Available data: Begin

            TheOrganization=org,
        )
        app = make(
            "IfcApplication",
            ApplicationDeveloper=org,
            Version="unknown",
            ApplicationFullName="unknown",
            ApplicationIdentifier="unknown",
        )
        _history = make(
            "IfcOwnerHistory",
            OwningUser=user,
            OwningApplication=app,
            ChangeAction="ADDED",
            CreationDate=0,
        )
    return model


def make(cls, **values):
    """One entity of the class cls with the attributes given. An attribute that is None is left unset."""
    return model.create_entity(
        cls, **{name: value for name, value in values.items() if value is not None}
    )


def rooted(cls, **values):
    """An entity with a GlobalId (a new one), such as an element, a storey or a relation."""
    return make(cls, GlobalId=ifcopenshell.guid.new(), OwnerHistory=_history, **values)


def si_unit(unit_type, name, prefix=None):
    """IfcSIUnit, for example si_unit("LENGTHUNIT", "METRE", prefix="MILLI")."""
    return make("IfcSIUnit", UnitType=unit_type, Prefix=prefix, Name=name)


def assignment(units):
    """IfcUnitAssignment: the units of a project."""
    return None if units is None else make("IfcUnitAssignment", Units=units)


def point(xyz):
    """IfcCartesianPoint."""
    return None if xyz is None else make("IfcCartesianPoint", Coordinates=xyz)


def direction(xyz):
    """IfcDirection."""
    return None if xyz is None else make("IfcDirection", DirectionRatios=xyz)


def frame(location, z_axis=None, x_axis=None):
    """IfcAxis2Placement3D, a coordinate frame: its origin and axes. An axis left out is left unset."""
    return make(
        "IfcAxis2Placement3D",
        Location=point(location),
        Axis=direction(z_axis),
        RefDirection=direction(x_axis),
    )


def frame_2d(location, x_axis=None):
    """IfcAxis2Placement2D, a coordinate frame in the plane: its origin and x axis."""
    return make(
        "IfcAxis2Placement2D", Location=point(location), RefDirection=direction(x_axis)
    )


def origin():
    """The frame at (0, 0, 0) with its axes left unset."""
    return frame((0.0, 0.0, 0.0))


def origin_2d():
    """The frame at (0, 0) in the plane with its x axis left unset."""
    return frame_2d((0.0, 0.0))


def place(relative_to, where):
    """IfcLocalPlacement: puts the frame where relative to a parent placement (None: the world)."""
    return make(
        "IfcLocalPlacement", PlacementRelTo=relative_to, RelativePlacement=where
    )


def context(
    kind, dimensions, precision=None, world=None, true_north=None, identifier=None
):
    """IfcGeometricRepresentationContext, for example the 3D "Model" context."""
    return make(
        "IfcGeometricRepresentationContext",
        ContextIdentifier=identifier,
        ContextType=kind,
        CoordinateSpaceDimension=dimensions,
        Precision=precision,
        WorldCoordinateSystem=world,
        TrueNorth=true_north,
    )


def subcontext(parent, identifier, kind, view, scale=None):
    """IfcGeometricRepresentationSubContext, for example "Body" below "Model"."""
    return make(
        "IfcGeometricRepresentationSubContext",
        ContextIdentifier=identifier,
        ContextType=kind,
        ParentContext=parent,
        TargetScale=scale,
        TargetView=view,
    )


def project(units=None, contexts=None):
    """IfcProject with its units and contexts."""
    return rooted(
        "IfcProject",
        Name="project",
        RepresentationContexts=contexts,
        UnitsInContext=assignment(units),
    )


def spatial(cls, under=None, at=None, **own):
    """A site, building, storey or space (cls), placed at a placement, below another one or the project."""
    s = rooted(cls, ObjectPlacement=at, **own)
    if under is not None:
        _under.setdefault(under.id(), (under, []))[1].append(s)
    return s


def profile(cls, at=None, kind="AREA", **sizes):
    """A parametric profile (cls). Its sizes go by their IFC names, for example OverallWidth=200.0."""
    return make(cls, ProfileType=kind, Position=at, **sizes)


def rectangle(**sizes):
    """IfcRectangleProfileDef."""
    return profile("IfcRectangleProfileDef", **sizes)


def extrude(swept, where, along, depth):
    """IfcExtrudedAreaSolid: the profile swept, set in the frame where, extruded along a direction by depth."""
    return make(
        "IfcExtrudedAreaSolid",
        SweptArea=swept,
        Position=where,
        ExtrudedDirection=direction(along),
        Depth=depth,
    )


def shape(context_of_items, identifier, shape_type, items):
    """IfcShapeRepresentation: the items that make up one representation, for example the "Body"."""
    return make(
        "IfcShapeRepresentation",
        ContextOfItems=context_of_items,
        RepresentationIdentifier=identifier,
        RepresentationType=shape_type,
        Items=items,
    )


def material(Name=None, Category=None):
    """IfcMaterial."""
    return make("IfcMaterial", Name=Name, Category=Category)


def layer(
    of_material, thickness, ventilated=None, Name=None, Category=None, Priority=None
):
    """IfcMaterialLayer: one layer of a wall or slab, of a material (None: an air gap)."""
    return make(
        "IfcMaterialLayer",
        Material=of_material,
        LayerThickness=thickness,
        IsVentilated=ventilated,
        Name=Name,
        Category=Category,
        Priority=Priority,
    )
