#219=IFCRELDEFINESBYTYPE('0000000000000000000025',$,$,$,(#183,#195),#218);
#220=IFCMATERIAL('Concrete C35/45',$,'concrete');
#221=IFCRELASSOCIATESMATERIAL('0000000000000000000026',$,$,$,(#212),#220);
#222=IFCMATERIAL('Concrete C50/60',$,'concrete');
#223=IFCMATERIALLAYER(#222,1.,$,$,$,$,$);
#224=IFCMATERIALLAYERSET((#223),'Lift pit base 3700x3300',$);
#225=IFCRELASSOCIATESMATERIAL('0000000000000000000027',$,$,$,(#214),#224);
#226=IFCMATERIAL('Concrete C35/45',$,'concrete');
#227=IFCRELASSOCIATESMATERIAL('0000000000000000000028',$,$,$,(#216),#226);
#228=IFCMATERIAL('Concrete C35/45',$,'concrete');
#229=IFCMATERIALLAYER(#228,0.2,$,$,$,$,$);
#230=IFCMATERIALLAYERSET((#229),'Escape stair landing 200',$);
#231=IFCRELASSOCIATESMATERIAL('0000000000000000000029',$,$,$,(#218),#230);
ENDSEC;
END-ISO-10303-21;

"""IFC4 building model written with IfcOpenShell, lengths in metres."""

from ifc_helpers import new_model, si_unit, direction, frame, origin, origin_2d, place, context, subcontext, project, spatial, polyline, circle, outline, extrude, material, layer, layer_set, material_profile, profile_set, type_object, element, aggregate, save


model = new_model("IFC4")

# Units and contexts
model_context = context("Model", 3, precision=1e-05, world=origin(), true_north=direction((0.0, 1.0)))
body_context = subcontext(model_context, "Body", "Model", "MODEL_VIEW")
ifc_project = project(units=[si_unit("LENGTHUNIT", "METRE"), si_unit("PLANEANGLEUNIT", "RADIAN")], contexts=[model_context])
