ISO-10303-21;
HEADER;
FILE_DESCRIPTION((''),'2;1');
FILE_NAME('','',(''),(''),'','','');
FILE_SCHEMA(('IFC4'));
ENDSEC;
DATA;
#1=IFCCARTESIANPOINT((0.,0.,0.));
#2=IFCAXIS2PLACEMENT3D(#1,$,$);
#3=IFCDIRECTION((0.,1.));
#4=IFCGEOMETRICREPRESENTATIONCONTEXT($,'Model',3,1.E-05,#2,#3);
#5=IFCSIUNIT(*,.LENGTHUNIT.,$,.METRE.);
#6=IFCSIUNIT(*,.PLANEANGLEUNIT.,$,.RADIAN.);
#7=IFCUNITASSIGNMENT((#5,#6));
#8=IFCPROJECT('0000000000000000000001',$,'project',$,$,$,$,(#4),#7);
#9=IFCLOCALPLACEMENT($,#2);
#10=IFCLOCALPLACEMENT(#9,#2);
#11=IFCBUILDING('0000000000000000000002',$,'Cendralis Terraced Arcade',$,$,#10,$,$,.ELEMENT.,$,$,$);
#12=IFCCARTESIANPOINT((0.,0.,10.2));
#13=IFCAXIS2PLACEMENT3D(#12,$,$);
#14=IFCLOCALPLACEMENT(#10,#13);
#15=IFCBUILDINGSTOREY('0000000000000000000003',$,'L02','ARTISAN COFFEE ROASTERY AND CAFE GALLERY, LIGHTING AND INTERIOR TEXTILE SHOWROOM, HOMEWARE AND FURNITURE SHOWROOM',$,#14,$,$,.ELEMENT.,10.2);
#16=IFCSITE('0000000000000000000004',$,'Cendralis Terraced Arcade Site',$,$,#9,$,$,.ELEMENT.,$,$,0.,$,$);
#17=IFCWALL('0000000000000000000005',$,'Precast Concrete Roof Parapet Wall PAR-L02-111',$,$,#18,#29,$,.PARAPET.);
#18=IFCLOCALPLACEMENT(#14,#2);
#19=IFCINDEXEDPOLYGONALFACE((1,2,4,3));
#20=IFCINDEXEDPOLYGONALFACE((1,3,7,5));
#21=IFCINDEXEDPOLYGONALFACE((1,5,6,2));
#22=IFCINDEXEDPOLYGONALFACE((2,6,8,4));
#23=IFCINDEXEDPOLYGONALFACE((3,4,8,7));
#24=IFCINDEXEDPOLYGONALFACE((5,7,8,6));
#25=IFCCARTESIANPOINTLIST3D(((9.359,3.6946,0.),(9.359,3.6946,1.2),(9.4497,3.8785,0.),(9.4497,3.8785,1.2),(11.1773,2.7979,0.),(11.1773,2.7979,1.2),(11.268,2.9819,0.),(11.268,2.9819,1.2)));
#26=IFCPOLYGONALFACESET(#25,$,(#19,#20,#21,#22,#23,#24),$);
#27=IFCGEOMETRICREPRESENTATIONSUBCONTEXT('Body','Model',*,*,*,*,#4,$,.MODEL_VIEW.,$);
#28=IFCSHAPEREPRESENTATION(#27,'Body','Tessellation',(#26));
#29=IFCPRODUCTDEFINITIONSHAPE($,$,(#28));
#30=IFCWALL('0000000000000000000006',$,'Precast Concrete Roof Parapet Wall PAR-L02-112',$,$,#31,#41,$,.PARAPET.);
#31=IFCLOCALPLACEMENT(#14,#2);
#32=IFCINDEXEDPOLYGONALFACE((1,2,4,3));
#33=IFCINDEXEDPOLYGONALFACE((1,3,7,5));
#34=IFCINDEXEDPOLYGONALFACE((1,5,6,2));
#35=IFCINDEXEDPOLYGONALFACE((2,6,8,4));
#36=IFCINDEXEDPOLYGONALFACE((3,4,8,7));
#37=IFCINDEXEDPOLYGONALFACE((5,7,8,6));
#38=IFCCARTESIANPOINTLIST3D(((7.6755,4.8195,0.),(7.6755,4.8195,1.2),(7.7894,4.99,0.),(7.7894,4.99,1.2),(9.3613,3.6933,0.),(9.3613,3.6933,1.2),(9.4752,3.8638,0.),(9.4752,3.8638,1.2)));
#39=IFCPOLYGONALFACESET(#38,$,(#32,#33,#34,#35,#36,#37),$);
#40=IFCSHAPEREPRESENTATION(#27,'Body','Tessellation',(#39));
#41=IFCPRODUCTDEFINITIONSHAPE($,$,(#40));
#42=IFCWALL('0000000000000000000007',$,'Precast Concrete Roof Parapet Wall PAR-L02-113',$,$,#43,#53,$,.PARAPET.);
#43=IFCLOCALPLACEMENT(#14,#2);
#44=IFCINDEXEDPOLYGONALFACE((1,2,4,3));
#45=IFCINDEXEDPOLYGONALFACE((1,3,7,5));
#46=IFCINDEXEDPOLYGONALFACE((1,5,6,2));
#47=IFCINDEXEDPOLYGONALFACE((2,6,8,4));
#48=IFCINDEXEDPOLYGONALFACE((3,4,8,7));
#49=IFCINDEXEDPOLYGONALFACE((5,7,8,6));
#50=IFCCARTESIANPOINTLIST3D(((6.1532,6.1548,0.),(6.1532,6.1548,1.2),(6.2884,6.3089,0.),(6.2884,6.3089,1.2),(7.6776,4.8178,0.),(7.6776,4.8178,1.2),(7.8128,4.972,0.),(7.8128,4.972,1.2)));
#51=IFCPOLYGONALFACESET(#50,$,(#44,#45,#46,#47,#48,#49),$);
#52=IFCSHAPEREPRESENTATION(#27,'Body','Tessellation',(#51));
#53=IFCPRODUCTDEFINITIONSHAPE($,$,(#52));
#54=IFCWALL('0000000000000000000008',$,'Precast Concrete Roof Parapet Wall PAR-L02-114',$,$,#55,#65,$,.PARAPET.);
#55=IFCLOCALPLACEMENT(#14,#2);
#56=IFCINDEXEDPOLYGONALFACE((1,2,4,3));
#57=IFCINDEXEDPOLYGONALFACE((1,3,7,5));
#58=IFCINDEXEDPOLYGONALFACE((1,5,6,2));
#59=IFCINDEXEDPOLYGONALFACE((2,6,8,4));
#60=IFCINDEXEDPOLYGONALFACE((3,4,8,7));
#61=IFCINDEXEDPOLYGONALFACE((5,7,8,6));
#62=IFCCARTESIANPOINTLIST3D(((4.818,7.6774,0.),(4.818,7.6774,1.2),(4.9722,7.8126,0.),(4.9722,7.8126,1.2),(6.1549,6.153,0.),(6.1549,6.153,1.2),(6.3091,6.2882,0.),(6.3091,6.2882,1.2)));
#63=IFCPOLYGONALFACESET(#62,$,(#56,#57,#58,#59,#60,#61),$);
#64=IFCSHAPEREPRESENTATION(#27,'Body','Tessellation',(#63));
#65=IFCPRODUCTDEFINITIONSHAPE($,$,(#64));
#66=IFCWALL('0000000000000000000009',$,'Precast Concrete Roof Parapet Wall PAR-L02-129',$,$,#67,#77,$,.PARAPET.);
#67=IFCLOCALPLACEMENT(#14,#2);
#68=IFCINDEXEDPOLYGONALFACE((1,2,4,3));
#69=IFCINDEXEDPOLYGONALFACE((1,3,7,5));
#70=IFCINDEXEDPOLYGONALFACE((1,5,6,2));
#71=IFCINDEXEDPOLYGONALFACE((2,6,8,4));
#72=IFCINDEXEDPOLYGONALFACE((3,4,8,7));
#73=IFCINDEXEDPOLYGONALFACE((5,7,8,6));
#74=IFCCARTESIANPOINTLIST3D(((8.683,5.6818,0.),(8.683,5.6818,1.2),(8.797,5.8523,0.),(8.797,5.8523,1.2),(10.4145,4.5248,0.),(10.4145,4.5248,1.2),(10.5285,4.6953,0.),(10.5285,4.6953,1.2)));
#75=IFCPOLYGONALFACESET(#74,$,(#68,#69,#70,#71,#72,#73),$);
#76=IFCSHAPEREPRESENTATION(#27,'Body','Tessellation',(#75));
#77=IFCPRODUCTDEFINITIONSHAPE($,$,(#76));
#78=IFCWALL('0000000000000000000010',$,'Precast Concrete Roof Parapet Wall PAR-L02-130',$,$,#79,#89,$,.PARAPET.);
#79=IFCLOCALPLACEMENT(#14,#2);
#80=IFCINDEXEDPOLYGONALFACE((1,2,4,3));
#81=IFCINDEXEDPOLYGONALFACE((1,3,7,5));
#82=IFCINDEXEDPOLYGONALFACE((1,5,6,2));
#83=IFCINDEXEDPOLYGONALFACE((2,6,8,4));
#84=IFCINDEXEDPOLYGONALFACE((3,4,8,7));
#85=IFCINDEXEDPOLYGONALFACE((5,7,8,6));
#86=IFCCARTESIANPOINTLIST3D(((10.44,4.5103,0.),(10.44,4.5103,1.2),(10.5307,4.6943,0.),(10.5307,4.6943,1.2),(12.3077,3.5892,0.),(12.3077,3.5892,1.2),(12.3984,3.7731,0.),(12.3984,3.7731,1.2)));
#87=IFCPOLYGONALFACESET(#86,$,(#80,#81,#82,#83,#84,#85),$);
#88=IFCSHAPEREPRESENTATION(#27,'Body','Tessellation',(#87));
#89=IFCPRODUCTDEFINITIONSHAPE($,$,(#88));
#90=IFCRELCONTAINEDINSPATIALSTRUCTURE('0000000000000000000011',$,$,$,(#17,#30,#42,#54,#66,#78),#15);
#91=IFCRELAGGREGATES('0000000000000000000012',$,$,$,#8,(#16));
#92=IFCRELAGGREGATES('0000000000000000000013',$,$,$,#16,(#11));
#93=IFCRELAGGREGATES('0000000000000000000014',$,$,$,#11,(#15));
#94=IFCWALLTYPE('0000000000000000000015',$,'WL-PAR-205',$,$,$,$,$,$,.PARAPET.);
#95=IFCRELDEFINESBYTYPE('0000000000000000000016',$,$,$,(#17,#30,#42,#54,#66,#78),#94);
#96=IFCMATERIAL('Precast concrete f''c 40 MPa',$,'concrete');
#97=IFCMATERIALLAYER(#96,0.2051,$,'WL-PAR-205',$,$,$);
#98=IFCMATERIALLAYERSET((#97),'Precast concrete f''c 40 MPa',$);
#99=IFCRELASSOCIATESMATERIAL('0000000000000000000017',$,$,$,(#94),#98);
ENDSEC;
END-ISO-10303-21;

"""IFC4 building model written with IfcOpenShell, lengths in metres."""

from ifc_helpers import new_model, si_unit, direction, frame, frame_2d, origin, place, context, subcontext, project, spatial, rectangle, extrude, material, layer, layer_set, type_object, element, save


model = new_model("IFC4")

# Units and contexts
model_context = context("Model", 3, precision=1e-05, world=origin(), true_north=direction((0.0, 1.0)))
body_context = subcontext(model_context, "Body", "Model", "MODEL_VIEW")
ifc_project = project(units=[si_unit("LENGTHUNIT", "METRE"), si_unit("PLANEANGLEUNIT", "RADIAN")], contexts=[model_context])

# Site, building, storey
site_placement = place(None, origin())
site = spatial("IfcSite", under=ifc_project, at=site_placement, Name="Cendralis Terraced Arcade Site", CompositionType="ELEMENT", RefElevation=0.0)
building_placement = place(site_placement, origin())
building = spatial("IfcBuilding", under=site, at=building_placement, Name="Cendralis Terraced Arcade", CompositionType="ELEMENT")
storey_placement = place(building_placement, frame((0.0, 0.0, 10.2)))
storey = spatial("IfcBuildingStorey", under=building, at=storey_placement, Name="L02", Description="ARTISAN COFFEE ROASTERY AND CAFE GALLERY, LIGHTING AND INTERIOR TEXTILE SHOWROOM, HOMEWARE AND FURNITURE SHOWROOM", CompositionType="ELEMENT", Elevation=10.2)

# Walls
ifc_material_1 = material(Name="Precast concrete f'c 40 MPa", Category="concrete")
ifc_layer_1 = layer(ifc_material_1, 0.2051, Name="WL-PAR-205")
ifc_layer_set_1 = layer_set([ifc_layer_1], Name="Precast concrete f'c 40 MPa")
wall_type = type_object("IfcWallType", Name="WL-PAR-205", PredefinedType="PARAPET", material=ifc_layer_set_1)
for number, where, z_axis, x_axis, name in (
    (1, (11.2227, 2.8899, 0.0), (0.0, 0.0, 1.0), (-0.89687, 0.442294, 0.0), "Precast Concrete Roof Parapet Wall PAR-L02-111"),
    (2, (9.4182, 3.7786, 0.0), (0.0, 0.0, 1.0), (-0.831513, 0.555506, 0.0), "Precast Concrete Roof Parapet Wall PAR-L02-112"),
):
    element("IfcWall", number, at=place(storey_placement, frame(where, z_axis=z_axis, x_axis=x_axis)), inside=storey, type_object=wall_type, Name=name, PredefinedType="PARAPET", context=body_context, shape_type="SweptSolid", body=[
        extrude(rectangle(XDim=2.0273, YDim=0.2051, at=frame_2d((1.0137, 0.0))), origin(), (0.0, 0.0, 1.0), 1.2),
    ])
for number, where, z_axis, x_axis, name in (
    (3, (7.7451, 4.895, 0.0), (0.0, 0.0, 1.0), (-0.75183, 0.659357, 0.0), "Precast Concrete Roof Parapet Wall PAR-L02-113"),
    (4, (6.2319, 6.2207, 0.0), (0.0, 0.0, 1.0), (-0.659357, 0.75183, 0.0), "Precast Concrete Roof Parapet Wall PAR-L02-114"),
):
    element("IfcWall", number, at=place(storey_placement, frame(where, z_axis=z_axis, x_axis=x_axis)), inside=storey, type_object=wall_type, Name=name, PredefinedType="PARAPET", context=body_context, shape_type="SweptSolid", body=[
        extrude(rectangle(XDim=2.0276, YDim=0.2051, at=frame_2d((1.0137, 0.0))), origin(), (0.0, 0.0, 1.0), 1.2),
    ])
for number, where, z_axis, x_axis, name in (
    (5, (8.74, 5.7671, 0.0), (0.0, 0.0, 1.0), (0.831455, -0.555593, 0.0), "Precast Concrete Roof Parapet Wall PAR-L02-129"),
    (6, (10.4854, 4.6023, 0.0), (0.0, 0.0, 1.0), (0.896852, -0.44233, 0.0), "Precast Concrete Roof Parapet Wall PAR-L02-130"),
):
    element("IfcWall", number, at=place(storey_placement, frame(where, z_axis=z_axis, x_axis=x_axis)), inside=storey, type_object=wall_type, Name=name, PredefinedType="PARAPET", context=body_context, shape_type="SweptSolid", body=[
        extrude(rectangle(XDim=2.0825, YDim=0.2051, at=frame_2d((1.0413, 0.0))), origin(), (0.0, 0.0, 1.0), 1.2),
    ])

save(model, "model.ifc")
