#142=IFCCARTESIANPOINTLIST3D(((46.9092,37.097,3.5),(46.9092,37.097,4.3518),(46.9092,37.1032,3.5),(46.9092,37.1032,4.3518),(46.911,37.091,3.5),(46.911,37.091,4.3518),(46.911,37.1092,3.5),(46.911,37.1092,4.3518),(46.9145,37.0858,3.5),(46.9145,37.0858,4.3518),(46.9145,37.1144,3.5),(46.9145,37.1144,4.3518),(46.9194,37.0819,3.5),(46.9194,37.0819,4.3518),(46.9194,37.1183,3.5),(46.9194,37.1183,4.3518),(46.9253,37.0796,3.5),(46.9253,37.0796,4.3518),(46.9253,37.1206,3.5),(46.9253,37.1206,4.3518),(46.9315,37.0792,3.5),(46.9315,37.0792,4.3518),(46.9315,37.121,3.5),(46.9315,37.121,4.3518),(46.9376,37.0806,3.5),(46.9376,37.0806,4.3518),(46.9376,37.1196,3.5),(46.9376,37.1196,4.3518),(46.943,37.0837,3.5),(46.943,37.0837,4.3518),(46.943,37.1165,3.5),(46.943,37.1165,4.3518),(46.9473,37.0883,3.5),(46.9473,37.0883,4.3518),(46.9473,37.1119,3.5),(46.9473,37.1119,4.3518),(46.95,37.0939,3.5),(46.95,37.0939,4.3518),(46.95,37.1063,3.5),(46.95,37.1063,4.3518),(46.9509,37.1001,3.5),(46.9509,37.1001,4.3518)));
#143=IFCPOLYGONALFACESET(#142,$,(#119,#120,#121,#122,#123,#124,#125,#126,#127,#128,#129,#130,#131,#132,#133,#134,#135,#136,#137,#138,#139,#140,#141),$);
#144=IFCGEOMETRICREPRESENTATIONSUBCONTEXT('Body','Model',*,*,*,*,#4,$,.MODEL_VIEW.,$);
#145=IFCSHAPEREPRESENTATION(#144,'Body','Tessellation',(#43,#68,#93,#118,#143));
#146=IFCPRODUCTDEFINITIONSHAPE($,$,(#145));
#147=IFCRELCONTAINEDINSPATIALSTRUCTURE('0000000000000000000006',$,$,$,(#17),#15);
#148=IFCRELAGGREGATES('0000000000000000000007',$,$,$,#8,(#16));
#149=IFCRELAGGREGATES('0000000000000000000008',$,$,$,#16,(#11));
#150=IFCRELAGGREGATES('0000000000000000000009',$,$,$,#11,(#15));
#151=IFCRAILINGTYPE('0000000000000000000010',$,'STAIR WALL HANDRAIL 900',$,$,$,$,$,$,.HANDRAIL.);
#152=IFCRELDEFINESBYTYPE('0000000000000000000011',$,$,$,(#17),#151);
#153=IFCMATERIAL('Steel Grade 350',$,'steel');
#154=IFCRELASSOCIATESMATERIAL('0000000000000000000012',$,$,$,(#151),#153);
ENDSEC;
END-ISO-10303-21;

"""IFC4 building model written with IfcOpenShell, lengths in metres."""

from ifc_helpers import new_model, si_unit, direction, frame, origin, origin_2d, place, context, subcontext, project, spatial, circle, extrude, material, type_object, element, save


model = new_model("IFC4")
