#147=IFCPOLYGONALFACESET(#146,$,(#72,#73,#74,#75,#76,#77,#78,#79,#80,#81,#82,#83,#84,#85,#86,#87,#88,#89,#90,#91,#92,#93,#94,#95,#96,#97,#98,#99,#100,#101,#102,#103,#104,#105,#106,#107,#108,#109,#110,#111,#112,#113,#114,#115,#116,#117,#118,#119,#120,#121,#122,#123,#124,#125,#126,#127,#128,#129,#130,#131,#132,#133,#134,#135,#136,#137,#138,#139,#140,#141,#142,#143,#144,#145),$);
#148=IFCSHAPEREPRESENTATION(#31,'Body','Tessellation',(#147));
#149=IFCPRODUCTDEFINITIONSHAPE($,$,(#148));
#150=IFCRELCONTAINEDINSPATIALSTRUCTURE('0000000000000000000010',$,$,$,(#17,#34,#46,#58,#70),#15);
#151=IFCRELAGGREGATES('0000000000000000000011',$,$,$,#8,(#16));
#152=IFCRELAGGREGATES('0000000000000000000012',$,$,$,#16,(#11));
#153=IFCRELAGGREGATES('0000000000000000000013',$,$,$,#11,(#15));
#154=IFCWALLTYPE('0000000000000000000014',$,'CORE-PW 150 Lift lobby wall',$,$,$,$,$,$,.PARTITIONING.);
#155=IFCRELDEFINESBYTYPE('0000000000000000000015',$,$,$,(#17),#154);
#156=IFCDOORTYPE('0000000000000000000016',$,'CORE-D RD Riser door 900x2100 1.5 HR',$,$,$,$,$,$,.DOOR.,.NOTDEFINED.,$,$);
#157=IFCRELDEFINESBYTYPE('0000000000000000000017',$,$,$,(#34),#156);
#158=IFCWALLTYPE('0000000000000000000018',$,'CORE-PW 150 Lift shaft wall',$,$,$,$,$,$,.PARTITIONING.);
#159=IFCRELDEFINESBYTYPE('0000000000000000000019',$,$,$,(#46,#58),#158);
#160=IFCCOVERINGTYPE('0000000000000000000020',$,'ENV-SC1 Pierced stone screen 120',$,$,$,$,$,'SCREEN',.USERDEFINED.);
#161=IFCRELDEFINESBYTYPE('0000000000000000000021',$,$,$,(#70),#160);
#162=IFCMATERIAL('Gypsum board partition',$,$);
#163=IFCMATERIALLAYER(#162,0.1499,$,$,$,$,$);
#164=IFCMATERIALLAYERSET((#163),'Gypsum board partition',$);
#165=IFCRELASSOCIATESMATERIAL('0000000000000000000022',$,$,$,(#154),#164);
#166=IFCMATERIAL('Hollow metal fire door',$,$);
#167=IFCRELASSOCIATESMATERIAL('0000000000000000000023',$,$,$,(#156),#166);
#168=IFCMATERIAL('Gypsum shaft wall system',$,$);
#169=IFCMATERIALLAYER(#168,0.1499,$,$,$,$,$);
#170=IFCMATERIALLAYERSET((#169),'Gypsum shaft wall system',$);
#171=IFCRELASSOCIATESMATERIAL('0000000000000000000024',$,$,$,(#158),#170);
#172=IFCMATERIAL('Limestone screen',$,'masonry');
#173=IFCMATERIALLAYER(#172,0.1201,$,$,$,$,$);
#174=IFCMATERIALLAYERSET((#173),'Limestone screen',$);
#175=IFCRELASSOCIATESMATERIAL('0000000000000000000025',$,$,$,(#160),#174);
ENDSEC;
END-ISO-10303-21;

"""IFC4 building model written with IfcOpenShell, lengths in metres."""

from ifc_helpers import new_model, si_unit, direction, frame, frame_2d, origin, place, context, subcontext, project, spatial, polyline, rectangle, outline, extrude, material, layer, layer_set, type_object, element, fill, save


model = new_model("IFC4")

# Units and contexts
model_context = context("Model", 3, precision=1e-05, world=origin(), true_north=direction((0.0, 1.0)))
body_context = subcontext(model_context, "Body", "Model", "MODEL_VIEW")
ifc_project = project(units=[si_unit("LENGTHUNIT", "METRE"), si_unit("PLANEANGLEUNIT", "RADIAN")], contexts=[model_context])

Available data: End

* _Instructions to follow_
How many of the lines in the records above include the word "sizes"? State that number alone.

* _Response area_
5